Top of Recorded data

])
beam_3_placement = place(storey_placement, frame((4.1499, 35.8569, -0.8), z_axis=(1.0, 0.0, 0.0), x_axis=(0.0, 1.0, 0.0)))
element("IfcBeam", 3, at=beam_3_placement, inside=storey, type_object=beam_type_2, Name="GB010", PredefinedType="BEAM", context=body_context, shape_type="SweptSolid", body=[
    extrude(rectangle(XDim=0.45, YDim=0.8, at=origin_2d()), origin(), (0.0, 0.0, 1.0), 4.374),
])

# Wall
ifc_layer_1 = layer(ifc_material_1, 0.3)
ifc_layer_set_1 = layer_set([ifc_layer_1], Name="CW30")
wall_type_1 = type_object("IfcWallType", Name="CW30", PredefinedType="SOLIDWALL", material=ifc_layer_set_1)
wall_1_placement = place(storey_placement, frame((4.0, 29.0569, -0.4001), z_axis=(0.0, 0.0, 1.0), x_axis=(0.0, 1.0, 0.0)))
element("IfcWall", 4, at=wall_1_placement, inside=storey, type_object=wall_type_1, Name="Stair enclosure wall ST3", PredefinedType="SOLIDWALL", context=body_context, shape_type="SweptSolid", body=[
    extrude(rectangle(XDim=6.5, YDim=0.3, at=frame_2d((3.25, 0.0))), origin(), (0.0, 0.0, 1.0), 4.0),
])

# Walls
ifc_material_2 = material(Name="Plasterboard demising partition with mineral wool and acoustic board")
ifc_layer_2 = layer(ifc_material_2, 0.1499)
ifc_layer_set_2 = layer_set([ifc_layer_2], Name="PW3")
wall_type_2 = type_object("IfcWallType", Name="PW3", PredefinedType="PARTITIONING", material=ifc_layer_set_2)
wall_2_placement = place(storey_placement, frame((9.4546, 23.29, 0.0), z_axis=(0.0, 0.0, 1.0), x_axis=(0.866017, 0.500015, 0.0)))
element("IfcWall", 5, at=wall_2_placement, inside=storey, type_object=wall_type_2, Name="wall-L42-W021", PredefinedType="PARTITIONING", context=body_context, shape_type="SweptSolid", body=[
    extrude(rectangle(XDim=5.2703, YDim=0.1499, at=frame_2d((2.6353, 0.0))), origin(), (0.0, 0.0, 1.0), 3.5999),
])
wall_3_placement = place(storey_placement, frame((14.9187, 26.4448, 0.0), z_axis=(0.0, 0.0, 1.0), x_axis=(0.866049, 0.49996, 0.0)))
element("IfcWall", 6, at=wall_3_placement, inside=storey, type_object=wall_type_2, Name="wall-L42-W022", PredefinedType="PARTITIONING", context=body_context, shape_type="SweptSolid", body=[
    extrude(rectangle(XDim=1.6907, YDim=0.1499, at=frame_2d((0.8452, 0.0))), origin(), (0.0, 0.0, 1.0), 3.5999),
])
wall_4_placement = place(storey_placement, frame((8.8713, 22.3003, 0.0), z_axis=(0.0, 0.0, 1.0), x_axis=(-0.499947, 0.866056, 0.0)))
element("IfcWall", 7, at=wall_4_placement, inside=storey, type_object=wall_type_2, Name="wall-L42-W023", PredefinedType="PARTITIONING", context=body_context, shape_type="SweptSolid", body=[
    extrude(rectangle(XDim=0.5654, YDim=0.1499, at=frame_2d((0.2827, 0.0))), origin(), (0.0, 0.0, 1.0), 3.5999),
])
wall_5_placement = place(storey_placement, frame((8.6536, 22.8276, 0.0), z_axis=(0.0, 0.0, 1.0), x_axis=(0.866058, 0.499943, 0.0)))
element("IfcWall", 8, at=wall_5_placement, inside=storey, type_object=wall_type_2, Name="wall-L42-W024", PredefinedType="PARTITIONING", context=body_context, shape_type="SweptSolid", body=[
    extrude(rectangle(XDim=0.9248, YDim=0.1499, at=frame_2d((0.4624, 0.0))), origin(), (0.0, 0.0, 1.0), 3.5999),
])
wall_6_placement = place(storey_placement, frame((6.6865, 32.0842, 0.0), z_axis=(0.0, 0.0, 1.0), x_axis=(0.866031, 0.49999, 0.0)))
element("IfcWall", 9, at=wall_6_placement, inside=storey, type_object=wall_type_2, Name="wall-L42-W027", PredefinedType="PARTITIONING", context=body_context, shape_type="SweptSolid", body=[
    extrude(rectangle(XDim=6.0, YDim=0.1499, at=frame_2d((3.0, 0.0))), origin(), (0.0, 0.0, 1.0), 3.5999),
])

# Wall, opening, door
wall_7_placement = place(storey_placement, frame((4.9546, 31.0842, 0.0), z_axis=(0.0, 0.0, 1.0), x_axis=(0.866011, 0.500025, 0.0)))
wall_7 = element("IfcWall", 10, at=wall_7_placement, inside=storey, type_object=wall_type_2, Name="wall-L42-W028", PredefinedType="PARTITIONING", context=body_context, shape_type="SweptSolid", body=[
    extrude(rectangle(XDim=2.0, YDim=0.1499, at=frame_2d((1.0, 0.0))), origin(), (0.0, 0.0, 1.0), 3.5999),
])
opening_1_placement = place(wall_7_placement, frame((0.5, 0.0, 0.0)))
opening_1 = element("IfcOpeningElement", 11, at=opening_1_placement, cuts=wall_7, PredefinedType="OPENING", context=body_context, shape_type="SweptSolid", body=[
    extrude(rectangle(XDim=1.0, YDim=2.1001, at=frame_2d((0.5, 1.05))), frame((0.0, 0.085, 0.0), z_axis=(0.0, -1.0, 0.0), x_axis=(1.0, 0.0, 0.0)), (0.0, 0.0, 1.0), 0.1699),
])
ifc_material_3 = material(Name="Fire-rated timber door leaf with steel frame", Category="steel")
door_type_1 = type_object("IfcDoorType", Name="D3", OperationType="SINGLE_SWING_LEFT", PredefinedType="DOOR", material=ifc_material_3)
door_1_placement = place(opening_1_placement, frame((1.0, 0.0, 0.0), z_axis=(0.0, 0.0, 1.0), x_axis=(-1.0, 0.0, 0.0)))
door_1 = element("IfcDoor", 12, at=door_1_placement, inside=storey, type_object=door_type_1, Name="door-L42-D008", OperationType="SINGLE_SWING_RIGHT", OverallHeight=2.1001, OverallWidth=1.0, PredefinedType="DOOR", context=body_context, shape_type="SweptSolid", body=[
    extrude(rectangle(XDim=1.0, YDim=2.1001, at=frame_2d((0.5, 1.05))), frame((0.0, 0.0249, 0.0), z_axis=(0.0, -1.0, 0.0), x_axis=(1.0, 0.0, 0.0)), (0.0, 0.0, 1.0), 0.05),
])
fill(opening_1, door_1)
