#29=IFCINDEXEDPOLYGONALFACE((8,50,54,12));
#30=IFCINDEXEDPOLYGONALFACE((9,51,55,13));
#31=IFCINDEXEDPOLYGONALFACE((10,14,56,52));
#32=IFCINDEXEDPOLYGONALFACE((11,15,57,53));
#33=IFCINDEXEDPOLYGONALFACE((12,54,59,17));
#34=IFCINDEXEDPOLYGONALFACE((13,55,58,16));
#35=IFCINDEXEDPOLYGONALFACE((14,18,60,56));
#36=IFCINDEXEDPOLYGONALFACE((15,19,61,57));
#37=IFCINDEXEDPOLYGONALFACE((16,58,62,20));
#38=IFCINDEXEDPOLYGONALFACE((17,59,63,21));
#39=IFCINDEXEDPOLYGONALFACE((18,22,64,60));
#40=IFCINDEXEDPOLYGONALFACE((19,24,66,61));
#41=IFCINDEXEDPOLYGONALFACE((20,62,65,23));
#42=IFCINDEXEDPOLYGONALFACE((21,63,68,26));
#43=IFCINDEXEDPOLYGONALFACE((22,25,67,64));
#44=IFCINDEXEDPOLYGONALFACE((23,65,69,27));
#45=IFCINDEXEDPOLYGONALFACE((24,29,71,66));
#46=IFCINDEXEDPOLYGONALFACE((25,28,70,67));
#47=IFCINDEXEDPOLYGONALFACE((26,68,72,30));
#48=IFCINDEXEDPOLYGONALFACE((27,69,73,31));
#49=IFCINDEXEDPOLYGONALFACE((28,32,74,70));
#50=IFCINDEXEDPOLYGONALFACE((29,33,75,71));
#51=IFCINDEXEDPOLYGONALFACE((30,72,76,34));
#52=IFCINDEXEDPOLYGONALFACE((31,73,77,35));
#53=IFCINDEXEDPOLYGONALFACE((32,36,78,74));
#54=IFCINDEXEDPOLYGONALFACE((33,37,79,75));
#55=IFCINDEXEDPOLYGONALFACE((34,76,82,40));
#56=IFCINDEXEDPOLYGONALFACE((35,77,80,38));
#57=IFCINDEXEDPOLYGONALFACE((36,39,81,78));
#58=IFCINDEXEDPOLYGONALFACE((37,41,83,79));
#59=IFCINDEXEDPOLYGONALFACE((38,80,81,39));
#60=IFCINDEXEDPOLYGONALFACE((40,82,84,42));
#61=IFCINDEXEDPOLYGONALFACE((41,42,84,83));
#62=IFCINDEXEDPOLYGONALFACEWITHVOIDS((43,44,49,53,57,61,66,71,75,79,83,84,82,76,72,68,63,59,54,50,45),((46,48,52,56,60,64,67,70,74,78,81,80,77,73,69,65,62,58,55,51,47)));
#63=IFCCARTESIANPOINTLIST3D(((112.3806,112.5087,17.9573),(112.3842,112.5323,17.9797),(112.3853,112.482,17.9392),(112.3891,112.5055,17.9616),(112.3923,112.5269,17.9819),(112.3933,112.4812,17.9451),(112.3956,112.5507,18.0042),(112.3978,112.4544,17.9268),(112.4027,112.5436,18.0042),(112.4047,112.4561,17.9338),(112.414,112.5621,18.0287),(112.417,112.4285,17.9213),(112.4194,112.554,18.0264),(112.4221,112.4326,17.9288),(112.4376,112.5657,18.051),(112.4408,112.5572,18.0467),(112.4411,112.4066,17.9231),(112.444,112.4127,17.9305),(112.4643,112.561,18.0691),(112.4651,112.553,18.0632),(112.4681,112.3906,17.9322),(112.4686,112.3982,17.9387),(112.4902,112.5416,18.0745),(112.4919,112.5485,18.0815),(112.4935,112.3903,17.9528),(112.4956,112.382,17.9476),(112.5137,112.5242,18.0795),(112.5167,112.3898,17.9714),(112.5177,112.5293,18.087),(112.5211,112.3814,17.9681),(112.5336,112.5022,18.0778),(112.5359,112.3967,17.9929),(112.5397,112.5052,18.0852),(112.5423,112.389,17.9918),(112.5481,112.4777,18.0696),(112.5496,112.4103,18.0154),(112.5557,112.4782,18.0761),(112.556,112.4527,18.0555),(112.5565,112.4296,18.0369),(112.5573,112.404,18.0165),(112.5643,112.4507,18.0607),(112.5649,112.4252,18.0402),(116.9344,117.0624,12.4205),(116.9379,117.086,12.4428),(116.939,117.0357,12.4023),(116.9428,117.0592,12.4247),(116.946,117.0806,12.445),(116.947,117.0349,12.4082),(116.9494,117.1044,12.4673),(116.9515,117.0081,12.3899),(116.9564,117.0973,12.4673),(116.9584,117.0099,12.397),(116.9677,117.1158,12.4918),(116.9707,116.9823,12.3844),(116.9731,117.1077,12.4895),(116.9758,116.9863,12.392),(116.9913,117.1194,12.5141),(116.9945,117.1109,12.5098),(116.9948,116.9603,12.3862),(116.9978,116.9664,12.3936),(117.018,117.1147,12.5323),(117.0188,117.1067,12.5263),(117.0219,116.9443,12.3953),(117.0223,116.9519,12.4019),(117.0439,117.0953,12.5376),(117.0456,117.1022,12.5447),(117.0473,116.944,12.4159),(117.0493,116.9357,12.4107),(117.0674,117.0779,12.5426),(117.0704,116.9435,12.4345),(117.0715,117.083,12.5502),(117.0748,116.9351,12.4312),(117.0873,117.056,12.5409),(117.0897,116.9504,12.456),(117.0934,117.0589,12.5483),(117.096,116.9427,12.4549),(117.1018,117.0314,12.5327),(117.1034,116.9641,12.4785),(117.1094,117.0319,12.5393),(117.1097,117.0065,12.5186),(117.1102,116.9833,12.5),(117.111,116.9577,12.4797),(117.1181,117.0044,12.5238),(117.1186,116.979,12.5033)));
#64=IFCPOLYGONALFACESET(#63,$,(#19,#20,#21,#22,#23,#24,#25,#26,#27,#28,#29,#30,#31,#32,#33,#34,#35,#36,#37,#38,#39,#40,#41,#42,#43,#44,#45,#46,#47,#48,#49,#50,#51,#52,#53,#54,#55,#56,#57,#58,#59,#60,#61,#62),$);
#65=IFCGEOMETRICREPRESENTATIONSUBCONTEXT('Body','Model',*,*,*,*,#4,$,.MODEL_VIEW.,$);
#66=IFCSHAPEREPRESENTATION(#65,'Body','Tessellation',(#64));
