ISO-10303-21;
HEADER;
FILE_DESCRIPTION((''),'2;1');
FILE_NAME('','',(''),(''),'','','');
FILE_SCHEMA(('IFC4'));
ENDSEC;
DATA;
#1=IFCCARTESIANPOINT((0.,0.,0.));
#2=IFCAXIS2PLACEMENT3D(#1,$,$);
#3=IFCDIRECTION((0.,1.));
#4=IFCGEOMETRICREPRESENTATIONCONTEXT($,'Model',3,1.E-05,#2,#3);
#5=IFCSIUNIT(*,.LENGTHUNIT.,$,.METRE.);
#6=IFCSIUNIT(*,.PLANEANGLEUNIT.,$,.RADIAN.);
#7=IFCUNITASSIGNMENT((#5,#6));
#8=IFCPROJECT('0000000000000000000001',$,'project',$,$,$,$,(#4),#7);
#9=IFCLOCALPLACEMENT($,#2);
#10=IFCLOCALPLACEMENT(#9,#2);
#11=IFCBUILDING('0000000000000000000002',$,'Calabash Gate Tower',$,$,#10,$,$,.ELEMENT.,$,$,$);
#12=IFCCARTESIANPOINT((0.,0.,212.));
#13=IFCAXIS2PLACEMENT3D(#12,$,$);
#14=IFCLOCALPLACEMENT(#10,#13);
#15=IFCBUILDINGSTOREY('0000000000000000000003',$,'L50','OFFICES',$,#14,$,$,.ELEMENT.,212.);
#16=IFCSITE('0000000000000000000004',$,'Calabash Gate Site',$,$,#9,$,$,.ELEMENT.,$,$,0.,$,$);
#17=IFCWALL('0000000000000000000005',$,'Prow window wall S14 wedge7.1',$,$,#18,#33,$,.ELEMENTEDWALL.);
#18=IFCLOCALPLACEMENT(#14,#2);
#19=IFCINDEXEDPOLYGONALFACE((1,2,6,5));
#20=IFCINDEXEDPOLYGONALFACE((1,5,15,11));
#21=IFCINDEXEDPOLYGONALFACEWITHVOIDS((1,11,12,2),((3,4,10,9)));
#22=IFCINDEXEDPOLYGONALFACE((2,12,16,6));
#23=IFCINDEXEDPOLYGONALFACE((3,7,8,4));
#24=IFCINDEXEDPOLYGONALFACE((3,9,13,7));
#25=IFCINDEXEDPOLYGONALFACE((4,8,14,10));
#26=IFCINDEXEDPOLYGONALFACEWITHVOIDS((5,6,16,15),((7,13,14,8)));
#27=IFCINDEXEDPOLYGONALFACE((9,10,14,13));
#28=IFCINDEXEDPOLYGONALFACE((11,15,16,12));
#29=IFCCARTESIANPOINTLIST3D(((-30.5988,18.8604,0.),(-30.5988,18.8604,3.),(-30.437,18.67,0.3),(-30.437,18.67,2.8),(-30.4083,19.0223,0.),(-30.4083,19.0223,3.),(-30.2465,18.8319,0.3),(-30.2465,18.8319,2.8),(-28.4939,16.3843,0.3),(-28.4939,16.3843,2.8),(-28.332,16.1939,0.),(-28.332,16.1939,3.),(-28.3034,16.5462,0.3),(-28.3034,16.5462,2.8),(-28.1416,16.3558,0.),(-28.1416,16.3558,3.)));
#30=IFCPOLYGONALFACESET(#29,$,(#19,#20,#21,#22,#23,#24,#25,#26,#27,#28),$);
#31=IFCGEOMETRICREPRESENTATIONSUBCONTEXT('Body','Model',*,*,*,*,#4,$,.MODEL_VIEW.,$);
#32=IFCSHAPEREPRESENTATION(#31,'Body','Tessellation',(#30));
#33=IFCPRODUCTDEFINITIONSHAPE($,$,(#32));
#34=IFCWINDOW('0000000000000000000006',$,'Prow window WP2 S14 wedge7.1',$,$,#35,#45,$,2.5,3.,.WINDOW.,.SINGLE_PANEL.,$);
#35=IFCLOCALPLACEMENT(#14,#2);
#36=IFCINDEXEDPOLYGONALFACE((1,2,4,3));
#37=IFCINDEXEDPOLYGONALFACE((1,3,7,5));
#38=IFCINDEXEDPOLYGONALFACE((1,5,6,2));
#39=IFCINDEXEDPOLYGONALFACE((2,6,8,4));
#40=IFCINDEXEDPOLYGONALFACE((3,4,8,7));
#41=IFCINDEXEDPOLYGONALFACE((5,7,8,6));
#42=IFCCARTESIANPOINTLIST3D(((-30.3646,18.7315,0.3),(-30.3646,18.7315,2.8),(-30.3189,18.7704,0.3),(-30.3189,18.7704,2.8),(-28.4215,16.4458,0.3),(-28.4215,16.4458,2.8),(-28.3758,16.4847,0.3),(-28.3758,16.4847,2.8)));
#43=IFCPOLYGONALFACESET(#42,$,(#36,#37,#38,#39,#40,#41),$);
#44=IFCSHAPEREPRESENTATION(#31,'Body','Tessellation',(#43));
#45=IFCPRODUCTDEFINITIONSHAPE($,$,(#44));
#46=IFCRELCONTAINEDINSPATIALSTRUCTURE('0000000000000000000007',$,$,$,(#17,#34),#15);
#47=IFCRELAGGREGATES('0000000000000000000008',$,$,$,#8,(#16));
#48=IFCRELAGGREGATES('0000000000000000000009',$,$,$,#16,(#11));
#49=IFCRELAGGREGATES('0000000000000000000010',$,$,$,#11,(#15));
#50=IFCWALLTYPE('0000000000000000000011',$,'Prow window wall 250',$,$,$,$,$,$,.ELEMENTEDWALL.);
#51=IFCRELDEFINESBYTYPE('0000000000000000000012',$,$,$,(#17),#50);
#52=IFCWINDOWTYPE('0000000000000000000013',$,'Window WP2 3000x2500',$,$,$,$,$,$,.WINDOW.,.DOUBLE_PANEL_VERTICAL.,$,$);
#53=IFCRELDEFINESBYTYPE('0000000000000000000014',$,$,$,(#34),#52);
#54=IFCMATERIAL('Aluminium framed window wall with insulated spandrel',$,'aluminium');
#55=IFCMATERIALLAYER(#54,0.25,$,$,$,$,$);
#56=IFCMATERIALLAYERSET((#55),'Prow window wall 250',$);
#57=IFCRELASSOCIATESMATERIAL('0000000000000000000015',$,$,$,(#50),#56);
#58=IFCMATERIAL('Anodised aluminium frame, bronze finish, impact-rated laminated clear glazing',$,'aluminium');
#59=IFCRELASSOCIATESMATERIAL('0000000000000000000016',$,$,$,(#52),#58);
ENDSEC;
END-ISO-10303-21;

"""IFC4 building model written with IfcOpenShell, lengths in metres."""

from ifc_helpers import new_model, si_unit, direction, frame, frame_2d, origin, place, context, subcontext, project, spatial, rectangle, extrude, material, layer, layer_set, type_object, element, fill, save


model = new_model("IFC4")

# Units and contexts
model_context = context("Model", 3, precision=1e-05, world=origin(), true_north=direction((0.0, 1.0)))
body_context = subcontext(model_context, "Body", "Model", "MODEL_VIEW")
ifc_project = project(units=[si_unit("LENGTHUNIT", "METRE"), si_unit("PLANEANGLEUNIT", "RADIAN")], contexts=[model_context])

# Site, building, storey
site_placement = place(None, origin())
site = spatial("IfcSite", under=ifc_project, at=site_placement, Name="Calabash Gate Site", CompositionType="ELEMENT", RefElevation=0.0)
building_placement = place(site_placement, origin())
building = spatial("IfcBuilding", under=site, at=building_placement, Name="Calabash Gate Tower", CompositionType="ELEMENT")
storey_placement = place(building_placement, frame((0.0, 0.0, 212.0)))
storey = spatial("IfcBuildingStorey", under=building, at=storey_placement, Name="L50", Description="OFFICES", CompositionType="ELEMENT", Elevation=212.0)

# Wall, opening, window
ifc_material_1 = material(Name="Aluminium framed window wall with insulated spandrel", Category="aluminium")
ifc_layer_1 = layer(ifc_material_1, 0.25)
ifc_layer_set_1 = layer_set([ifc_layer_1], Name="Prow window wall 250")
wall_type_1 = type_object("IfcWallType", Name="Prow window wall 250", PredefinedType="ELEMENTEDWALL", material=ifc_layer_set_1)
ifc_material_2 = material(Name="Anodised aluminium frame, bronze finish, impact-rated laminated clear glazing", Category="aluminium")
window_type = type_object("IfcWindowType", Name="Window WP2 3000x2500", PartitioningType="DOUBLE_PANEL_VERTICAL", PredefinedType="WINDOW", material=ifc_material_2)
wall_1_placement = place(storey_placement, frame((-30.5037, 18.9414, 0.0), z_axis=(0.0, 0.0, 1.0), x_axis=(0.647701, -0.761895, 0.0)))
wall_1 = element("IfcWall", 1, at=wall_1_placement, inside=storey, type_object=wall_type_1, Name="Prow window wall S14 wedge7.1", PredefinedType="ELEMENTEDWALL", context=body_context, shape_type="SweptSolid", body=[
    extrude(rectangle(XDim=3.4998, YDim=0.25, at=frame_2d((1.75, 0.0))), origin(), (0.0, 0.0, 1.0), 3.0),
])
opening_1_placement = place(wall_1_placement, frame((0.25, 0.0, 0.3)))
opening_1 = element("IfcOpeningElement", 2, at=opening_1_placement, cuts=wall_1, PredefinedType="OPENING", context=body_context, shape_type="SweptSolid", body=[
    extrude(rectangle(XDim=3.0, YDim=2.5, at=frame_2d((1.5, 1.25))), frame((0.0, 0.135, 0.0), z_axis=(0.0, -1.0, 0.0), x_axis=(1.0, 0.0, 0.0)), (0.0, 0.0, 1.0), 0.27),
])
window_1_placement = place(opening_1_placement, origin())
window_1 = element("IfcWindow", 3, at=window_1_placement, inside=storey, type_object=window_type, Name="Prow window WP2 S14 wedge7.1", OverallHeight=2.5, OverallWidth=3.0, PartitioningType="SINGLE_PANEL", PredefinedType="WINDOW", context=body_context, shape_type="SweptSolid", body=[
    extrude(rectangle(XDim=3.0, YDim=2.5, at=frame_2d((1.5, 1.25))), frame((0.0, 0.03, 0.0), z_axis=(0.0, -1.0, 0.0), x_axis=(1.0, 0.0, 0.0)), (0.0, 0.0, 1.0), 0.0601),
])
fill(opening_1, window_1)

save(model, "model.ifc")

Bottom of Recorded data

*What is needed*:
Only the lines that contain the string "IFCRELASSOCIATESMATERIAL" should be copied from the entries above.

*Response to the task*:
#57=IFCRELASSOCIATESMATERIAL('0000000000000000000015',$,$,$,(#50),#56);
#59=IFCRELASSOCIATESMATERIAL('0000000000000000000016',$,$,$,(#52),#58);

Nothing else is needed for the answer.